Exercise goal -> Which lines of the data contain the string "IFCRELDEFINESBYTYPE"? Copy every one.
------ Supplied data ------
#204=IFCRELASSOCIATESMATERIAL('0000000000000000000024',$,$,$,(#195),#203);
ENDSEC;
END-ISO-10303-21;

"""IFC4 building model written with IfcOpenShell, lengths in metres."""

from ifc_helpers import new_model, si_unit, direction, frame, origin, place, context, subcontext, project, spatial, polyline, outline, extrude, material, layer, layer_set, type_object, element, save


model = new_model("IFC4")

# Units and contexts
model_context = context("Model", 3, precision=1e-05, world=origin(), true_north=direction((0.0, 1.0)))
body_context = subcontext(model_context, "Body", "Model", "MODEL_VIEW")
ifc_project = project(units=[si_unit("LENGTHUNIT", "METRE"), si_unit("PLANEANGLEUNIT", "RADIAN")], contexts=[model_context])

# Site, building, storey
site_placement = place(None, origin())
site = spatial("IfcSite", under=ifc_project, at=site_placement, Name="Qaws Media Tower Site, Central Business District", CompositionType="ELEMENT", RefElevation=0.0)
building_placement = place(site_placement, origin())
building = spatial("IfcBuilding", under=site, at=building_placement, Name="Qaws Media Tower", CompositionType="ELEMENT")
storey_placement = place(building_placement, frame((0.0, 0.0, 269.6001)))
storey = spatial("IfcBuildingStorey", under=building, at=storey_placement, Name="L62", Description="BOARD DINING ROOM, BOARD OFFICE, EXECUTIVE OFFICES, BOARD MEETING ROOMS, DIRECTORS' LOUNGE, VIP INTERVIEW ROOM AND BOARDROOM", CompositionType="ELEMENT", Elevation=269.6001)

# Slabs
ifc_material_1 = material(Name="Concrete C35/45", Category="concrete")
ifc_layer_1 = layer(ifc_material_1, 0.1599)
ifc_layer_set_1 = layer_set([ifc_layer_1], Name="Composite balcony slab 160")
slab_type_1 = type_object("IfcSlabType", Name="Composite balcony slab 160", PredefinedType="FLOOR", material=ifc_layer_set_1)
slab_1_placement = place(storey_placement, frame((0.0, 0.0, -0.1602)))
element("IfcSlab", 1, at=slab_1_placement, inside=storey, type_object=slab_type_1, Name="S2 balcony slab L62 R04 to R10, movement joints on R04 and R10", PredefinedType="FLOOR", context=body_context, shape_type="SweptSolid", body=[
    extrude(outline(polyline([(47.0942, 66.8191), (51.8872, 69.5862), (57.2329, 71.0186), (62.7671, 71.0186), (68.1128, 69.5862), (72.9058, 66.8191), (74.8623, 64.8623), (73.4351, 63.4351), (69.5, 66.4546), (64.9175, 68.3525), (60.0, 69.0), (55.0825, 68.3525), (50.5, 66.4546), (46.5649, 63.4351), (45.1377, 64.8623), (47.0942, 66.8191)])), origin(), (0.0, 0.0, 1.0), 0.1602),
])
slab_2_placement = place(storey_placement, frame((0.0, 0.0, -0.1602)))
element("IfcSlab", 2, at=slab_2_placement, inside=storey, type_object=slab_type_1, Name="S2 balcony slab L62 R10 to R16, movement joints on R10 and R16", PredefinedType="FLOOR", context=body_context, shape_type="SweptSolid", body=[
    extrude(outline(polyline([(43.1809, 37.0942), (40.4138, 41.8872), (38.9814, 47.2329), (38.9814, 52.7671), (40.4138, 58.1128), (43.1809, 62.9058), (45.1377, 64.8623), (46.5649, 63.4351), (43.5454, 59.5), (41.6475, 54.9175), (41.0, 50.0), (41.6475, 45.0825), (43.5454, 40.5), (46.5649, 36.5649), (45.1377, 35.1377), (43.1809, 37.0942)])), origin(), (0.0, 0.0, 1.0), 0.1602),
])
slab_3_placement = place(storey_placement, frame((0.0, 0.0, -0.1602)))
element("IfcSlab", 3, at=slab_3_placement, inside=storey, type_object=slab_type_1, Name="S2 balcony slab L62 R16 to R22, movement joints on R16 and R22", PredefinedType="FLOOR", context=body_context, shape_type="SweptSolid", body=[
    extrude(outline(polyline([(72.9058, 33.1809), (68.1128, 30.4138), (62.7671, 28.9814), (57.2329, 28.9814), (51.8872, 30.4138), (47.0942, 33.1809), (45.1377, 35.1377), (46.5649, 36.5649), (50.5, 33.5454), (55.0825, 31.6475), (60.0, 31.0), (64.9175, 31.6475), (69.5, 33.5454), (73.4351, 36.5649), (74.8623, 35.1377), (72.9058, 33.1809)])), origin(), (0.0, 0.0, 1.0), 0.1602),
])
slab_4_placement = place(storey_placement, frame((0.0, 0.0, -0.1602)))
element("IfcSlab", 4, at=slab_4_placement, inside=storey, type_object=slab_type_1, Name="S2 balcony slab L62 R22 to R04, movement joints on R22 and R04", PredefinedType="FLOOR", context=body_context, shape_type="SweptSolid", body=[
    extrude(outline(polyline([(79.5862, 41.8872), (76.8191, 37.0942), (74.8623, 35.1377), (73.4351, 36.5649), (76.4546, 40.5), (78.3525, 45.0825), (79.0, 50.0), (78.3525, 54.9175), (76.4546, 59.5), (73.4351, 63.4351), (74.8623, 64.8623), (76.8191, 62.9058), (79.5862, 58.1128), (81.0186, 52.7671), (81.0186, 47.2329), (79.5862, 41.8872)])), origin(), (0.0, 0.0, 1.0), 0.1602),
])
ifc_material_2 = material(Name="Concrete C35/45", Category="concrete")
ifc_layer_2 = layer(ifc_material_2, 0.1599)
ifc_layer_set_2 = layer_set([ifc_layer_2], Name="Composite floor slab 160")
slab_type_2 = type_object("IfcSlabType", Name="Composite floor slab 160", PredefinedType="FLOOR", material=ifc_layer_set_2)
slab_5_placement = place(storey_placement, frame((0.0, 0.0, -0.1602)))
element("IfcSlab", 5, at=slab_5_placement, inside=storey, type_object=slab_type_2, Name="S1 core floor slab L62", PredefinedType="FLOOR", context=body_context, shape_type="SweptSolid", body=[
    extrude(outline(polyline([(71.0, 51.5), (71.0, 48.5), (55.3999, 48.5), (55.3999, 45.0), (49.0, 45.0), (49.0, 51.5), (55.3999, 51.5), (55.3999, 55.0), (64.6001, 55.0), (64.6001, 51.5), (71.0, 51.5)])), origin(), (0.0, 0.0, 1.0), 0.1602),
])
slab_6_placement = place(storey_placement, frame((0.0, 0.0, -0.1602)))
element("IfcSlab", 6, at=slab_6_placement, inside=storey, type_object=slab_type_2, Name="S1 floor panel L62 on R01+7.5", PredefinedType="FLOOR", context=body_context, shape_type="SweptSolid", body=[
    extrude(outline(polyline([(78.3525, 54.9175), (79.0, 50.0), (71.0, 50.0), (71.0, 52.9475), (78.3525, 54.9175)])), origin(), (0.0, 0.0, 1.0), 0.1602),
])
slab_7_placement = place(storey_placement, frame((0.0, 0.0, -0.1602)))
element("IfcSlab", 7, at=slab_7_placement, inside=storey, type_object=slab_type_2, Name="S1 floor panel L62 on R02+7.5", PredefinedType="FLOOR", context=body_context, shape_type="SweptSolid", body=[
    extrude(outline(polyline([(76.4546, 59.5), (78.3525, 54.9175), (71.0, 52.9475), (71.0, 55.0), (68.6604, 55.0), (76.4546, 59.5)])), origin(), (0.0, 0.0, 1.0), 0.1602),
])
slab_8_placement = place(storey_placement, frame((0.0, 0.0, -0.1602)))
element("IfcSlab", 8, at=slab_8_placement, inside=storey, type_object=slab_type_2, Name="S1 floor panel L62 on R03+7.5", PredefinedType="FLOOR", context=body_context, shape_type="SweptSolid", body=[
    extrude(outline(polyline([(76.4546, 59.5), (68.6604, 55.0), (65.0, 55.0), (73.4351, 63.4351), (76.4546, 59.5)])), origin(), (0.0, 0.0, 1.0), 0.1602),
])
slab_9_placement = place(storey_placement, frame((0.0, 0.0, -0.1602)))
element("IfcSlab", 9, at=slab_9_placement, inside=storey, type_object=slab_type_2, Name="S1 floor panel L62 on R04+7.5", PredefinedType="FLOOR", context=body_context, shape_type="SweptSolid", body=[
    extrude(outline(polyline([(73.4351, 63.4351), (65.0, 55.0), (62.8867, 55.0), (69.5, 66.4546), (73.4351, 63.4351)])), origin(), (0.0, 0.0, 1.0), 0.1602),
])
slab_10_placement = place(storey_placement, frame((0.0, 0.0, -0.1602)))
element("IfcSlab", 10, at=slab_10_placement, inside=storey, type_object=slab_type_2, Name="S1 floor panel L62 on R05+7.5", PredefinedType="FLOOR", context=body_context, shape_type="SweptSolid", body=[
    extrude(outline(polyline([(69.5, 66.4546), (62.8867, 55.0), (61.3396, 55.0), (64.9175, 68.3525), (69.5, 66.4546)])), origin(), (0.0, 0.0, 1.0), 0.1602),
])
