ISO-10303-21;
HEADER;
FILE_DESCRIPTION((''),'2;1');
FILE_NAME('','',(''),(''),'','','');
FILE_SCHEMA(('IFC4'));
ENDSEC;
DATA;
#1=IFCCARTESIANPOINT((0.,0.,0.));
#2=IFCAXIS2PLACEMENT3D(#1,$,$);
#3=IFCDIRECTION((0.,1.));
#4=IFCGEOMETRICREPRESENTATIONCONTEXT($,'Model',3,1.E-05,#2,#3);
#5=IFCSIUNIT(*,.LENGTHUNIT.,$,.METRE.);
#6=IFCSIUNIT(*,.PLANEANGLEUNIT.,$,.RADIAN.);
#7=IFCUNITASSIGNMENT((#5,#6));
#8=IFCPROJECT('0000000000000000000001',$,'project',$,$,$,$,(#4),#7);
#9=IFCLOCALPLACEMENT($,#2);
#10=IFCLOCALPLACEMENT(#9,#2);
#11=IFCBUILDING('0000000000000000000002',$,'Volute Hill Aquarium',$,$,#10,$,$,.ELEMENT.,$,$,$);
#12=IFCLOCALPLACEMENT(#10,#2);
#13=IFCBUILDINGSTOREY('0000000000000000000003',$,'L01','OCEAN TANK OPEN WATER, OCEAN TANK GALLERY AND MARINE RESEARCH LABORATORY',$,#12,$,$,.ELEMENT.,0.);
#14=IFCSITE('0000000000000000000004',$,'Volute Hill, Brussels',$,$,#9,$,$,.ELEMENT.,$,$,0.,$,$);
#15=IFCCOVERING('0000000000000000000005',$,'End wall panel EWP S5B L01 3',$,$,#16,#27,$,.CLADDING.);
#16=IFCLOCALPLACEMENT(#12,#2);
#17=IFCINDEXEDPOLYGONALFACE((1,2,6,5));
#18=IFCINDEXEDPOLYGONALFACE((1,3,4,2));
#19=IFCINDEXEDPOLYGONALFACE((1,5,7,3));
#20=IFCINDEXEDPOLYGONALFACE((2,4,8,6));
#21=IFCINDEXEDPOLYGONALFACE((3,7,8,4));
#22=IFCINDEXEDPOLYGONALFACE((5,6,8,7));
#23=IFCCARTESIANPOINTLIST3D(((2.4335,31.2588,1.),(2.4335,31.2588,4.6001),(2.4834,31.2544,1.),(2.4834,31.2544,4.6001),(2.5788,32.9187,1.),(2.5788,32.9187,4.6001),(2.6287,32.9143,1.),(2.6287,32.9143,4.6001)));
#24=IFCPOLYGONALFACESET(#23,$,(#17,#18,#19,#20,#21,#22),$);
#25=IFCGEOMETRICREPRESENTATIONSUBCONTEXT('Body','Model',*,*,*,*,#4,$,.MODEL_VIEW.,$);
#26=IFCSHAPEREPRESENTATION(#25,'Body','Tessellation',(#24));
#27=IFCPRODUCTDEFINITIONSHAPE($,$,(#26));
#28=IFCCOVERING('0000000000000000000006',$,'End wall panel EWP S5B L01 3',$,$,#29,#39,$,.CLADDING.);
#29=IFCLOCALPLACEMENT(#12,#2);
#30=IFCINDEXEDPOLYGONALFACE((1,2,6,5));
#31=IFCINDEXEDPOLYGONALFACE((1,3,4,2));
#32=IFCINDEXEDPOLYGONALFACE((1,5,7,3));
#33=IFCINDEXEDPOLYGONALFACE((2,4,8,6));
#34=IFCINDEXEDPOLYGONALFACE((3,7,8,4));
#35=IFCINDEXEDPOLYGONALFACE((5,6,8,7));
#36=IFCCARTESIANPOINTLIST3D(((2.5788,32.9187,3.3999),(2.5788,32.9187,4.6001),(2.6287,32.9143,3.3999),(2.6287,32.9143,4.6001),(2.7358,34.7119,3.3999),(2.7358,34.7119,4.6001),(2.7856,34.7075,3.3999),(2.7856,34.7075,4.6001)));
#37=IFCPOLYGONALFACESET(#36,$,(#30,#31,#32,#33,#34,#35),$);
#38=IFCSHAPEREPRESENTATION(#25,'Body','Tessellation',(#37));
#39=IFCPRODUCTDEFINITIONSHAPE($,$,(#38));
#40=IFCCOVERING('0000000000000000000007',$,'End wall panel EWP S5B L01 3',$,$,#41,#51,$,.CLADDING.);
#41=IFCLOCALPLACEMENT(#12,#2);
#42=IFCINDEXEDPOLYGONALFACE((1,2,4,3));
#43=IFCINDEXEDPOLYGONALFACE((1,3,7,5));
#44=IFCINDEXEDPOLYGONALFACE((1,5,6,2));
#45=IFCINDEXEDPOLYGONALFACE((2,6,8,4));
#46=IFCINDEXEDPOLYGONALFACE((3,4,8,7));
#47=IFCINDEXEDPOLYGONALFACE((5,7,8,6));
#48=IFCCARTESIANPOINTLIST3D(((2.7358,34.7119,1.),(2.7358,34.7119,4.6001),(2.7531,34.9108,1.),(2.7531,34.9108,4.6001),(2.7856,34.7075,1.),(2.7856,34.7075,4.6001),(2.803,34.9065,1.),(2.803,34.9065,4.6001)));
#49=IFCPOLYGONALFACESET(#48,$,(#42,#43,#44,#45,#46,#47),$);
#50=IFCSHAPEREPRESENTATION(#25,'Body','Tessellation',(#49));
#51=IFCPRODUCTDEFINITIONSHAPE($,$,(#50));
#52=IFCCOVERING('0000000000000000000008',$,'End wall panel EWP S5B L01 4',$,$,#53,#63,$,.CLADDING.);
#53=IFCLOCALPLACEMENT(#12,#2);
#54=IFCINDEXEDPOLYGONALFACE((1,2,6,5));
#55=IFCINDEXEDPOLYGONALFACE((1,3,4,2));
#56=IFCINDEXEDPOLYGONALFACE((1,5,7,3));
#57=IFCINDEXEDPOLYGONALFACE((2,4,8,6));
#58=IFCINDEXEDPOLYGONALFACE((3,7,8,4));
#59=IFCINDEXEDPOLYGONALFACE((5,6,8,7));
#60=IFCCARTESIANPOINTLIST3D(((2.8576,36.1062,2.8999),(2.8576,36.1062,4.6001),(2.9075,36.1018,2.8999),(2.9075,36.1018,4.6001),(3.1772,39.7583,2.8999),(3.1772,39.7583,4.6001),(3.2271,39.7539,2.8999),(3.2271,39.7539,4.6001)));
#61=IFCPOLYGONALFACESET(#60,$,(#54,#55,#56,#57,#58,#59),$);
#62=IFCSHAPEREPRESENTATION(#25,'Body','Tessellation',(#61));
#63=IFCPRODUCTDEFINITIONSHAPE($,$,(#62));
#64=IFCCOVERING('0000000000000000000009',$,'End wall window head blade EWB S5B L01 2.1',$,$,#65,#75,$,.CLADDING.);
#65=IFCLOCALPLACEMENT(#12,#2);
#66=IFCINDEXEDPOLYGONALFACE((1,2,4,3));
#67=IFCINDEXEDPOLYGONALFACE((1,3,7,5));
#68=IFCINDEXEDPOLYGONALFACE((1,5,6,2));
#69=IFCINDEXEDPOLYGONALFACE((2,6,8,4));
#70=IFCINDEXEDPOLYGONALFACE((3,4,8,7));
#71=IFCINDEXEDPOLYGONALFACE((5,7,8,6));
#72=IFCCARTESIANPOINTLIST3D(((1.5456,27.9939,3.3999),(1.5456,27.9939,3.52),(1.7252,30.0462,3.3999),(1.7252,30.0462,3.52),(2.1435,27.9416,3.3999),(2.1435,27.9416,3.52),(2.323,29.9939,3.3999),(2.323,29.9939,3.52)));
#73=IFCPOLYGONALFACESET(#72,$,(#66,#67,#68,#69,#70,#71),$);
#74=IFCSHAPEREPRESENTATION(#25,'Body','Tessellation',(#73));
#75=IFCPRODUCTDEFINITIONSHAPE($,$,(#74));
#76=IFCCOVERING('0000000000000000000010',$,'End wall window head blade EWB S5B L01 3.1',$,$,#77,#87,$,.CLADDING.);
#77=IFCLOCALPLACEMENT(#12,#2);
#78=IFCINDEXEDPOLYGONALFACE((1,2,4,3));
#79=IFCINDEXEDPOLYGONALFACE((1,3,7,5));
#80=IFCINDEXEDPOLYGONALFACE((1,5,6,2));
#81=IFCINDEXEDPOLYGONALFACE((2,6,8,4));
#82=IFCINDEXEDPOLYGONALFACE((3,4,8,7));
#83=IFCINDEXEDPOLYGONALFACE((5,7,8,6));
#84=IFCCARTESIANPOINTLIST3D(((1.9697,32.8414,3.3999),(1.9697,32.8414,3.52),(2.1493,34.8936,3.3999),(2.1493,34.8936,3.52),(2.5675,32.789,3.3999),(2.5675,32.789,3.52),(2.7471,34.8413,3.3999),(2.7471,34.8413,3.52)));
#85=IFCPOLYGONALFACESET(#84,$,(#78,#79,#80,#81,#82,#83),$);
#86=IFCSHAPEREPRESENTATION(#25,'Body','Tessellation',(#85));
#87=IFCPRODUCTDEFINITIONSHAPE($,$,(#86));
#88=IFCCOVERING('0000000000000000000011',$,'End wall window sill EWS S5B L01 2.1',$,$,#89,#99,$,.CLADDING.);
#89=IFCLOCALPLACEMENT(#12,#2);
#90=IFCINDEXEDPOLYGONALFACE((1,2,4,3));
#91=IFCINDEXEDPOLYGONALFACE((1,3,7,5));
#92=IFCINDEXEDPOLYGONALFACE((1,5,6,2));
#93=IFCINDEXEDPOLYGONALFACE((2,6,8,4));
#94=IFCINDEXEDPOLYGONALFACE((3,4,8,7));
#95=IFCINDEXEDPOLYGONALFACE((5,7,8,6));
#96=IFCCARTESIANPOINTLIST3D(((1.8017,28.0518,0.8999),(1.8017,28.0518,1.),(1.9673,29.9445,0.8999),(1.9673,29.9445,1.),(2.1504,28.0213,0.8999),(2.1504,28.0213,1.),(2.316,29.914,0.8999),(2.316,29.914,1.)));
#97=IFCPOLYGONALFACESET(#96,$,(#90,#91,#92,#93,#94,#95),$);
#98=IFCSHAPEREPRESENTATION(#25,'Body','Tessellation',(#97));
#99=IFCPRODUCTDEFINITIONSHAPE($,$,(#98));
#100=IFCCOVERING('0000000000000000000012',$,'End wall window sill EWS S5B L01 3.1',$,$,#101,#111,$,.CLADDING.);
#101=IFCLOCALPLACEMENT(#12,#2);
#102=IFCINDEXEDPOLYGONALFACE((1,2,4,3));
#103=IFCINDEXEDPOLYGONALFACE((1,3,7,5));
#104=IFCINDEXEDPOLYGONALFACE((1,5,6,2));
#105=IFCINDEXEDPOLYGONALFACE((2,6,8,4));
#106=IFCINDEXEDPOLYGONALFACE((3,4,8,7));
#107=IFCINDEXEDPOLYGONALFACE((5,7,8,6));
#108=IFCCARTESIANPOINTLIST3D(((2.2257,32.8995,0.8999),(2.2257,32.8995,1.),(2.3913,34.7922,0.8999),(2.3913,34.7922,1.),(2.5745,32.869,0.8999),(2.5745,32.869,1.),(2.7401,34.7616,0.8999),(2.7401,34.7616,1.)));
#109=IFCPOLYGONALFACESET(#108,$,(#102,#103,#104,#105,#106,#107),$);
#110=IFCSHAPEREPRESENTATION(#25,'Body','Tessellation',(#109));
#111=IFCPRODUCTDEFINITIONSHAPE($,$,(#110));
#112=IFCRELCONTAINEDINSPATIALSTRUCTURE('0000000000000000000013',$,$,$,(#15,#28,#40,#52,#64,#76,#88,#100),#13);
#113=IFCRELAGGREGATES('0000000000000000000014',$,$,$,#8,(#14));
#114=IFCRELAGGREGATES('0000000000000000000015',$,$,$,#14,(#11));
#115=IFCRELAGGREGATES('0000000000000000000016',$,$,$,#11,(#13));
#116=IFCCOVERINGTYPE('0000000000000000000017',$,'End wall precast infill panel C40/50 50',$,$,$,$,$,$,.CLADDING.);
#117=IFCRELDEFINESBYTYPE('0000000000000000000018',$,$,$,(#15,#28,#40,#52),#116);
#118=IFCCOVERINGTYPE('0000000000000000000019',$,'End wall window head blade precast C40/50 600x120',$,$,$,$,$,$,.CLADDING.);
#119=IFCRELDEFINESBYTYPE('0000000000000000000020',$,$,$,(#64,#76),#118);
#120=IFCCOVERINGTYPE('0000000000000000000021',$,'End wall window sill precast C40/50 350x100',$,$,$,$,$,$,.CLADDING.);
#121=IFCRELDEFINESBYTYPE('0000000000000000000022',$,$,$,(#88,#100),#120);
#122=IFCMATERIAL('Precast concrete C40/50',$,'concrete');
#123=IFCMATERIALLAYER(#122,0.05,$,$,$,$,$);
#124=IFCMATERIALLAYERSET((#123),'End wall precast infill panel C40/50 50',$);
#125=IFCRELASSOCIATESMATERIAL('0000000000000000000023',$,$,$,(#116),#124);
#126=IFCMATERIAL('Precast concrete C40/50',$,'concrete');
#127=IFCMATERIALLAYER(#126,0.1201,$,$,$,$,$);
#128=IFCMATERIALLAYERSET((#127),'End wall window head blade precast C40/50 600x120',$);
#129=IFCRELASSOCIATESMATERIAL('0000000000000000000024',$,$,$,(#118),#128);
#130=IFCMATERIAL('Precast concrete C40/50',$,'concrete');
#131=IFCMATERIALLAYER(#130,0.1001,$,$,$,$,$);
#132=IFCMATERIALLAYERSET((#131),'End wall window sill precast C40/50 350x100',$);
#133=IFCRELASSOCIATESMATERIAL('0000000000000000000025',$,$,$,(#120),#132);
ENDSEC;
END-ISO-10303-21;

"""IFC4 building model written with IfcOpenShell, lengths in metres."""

from ifc_helpers import new_model, si_unit, direction, frame, origin, origin_2d, place, context, subcontext, project, spatial, polyline, rectangle, outline, extrude, material, layer, layer_set, type_object, element, save


model = new_model("IFC4")

# Units and contexts
model_context = context("Model", 3, precision=1e-05, world=origin(), true_north=direction((0.0, 1.0)))
body_context = subcontext(model_context, "Body", "Model", "MODEL_VIEW")
ifc_project = project(units=[si_unit("LENGTHUNIT", "METRE"), si_unit("PLANEANGLEUNIT", "RADIAN")], contexts=[model_context])

# Site, building, storey
site_placement = place(None, origin())
site = spatial("IfcSite", under=ifc_project, at=site_placement, Name="Volute Hill, Brussels", CompositionType="ELEMENT", RefElevation=0.0)
building_placement = place(site_placement, origin())
building = spatial("IfcBuilding", under=site, at=building_placement, Name="Volute Hill Aquarium", CompositionType="ELEMENT")
storey_placement = place(building_placement, origin())
storey = spatial("IfcBuildingStorey", under=building, at=storey_placement, Name="L01", Description="OCEAN TANK OPEN WATER, OCEAN TANK GALLERY AND MARINE RESEARCH LABORATORY", CompositionType="ELEMENT", Elevation=0.0)

# Coverings
ifc_material_1 = material(Name="Precast concrete C40/50", Category="concrete")
ifc_layer_1 = layer(ifc_material_1, 0.05)
ifc_layer_set_1 = layer_set([ifc_layer_1], Name="End wall precast infill panel C40/50 50")
covering_type_1 = type_object("IfcCoveringType", Name="End wall precast infill panel C40/50 50", PredefinedType="CLADDING", material=ifc_layer_set_1)
covering_1_placement = place(storey_placement, frame((2.4834, 31.2544, 1.0), z_axis=(0.996193, -0.08718, 0.0), x_axis=(0.08718, 0.996193, 0.0)))
element("IfcCovering", 1, at=covering_1_placement, inside=storey, type_object=covering_type_1, Name="End wall panel EWP S5B L01 3", PredefinedType="CLADDING", context=body_context, shape_type="SweptSolid", body=[
    extrude(outline(polyline([(0.0, 0.0), (1.6663, 0.0), (1.6663, 3.6001), (0.0, 3.6001), (0.0, 0.0)])), origin(), (0.0, 0.0, -1.0), 0.05),
])
covering_2_placement = place(storey_placement, frame((2.6287, 32.9143, 3.3999), z_axis=(0.99619, -0.087209, 0.0), x_axis=(0.087209, 0.99619, 0.0)))
element("IfcCovering", 2, at=covering_2_placement, inside=storey, type_object=covering_type_1, Name="End wall panel EWP S5B L01 3", PredefinedType="CLADDING", context=body_context, shape_type="SweptSolid", body=[
    extrude(outline(polyline([(0.0, 0.0), (1.8001, 0.0), (1.8001, 1.2002), (0.0, 1.2002), (0.0, 0.0)])), origin(), (0.0, 0.0, -1.0), 0.05),
])
covering_3_placement = place(storey_placement, frame((2.7856, 34.7075, 1.0), z_axis=(0.996227, -0.086788, 0.0), x_axis=(0.086788, 0.996227, 0.0)))
element("IfcCovering", 3, at=covering_3_placement, inside=storey, type_object=covering_type_1, Name="End wall panel EWP S5B L01 3", PredefinedType="CLADDING", context=body_context, shape_type="SweptSolid", body=[
    extrude(outline(polyline([(0.0, 0.0), (0.1997, 0.0), (0.1997, 3.6001), (0.0, 3.6001), (0.0, 0.0)])), origin(), (0.0, 0.0, -1.0), 0.05),
])
covering_4_placement = place(storey_placement, frame((2.9075, 36.1018, 2.8999), z_axis=(0.996193, -0.087173, 0.0), x_axis=(0.087173, 0.996193, 0.0)))
element("IfcCovering", 4, at=covering_4_placement, inside=storey, type_object=covering_type_1, Name="End wall panel EWP S5B L01 4", PredefinedType="CLADDING", context=body_context, shape_type="SweptSolid", body=[
    extrude(outline(polyline([(0.0, 0.0), (3.6661, 0.0), (3.6661, 1.7002), (0.0, 1.7002), (0.0, 0.0)])), origin(), (0.0, 0.0, -1.0), 0.05),
])
ifc_material_2 = material(Name="Precast concrete C40/50", Category="concrete")
ifc_layer_2 = layer(ifc_material_2, 0.1201)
------
Task answer ->
#117=IFCRELDEFINESBYTYPE('0000000000000000000018',$,$,$,(#15,#28,#40,#52),#116);
#119=IFCRELDEFINESBYTYPE('0000000000000000000020',$,$,$,(#64,#76),#118);
#121=IFCRELDEFINESBYTYPE('0000000000000000000022',$,$,$,(#88,#100),#120);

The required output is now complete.